:: DATA SECTION
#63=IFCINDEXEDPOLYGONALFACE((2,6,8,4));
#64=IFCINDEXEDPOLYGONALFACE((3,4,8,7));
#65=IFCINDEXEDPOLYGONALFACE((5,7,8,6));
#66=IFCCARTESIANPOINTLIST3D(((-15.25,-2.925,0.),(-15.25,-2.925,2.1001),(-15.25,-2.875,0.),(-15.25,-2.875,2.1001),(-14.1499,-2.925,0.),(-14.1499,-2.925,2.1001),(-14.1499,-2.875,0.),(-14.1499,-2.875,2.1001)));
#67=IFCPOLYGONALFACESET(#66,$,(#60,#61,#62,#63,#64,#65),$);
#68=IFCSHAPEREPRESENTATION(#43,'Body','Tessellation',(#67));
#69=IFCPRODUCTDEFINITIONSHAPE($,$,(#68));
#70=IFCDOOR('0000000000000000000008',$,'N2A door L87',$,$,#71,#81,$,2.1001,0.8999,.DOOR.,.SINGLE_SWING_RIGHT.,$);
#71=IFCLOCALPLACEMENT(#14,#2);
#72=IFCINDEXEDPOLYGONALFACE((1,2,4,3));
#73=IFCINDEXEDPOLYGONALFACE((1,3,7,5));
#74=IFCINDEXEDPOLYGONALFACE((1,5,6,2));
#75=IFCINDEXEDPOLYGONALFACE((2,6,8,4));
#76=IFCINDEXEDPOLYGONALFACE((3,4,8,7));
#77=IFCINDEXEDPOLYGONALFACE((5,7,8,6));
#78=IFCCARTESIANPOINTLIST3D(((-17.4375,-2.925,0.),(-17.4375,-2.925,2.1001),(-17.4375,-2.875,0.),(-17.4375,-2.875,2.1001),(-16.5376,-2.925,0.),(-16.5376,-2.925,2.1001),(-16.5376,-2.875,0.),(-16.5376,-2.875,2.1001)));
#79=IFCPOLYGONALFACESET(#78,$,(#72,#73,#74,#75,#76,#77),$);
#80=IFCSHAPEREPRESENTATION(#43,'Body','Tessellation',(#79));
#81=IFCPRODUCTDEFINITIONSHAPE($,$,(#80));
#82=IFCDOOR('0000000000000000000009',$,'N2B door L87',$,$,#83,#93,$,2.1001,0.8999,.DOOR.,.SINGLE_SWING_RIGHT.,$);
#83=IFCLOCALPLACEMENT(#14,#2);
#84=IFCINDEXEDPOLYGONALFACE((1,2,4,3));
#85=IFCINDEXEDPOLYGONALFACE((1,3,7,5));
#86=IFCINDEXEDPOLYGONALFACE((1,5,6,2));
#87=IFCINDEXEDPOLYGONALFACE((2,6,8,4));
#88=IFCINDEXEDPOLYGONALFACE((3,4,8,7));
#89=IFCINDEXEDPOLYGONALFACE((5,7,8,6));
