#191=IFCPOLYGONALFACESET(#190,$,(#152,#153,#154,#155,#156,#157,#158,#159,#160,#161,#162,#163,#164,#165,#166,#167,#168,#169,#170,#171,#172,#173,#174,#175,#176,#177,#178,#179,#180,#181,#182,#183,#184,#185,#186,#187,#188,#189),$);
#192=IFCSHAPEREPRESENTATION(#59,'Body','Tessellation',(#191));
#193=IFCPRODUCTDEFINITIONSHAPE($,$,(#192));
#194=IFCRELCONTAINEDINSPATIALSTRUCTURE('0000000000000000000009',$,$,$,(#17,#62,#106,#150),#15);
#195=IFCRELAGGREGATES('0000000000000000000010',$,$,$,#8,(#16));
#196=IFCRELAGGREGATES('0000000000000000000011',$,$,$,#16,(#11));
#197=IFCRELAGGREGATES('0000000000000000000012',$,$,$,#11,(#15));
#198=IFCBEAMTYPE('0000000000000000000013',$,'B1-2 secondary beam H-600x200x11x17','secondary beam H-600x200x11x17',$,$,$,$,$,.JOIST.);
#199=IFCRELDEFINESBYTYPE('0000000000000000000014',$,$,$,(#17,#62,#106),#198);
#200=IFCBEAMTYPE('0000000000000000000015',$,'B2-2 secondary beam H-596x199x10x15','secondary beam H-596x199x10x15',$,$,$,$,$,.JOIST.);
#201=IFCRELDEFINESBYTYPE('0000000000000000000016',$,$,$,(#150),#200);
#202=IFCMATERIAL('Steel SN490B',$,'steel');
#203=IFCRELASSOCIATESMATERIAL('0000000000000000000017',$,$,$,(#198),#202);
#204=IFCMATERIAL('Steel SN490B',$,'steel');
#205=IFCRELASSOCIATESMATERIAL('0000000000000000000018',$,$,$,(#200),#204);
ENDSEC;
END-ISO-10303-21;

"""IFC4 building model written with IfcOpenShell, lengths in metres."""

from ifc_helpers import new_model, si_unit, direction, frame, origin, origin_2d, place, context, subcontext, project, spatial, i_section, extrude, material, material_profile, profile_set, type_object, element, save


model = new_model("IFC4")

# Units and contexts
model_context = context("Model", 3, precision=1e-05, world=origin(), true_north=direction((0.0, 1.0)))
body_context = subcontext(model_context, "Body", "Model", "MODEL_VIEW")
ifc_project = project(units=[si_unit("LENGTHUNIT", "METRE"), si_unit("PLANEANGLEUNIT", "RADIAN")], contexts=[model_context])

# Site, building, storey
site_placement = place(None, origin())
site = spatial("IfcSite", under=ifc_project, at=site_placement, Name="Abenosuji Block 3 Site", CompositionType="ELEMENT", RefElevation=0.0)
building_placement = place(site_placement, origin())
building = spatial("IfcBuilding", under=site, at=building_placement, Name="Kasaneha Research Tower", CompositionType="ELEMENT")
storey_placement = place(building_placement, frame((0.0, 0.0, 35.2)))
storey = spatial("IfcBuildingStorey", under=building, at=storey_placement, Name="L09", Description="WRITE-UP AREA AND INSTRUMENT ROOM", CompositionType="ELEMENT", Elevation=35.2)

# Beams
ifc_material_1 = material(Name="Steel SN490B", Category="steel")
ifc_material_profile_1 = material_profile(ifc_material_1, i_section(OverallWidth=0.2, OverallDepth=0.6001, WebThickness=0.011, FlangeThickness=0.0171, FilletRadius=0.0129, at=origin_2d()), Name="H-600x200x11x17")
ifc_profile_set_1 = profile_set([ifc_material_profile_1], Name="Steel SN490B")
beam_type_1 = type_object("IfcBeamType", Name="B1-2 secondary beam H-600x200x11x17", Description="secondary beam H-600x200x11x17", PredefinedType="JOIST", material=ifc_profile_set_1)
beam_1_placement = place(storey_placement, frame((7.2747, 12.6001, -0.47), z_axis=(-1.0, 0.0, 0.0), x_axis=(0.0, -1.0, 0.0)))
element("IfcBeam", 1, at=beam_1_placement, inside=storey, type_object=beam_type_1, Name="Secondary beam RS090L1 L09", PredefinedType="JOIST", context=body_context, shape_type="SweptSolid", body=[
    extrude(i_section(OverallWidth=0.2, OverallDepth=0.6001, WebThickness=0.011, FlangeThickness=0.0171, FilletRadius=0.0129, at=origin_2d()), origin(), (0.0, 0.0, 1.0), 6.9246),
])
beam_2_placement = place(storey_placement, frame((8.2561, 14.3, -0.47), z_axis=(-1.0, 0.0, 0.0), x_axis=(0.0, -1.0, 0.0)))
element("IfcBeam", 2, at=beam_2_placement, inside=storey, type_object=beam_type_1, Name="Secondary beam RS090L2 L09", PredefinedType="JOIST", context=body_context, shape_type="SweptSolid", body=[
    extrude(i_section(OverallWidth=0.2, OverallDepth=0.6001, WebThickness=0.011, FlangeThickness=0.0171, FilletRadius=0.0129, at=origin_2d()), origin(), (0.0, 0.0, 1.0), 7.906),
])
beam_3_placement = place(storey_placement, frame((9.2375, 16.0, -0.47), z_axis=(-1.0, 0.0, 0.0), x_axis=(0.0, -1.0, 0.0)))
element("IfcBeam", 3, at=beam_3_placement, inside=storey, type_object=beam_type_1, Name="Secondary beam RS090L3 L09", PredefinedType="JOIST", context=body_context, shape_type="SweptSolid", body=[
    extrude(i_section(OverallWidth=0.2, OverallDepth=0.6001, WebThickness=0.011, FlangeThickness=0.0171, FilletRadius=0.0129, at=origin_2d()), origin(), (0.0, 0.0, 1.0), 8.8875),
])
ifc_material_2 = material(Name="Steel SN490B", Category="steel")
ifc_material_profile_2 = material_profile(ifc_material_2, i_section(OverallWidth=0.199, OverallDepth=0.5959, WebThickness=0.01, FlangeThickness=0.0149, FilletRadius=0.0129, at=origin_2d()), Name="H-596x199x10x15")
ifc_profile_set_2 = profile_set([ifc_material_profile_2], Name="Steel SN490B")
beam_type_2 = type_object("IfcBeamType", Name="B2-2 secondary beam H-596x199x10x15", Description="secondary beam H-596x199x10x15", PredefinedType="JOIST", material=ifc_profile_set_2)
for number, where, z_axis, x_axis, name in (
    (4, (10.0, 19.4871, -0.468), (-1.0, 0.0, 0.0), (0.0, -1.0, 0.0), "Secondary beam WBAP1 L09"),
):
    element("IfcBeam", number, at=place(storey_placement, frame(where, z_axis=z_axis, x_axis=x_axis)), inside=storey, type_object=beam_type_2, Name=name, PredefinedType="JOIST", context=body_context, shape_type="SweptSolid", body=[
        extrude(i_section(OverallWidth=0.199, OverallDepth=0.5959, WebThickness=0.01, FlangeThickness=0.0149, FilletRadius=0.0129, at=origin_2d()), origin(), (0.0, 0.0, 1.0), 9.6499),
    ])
::::
[TASK BRIEF] Go through the listing above and locate each line that holds the word "IFCMATERIAL". Copy those lines.

[COMPLETED TASK]
#202=IFCMATERIAL('Steel SN490B',$,'steel');
#204=IFCMATERIAL('Steel SN490B',$,'steel');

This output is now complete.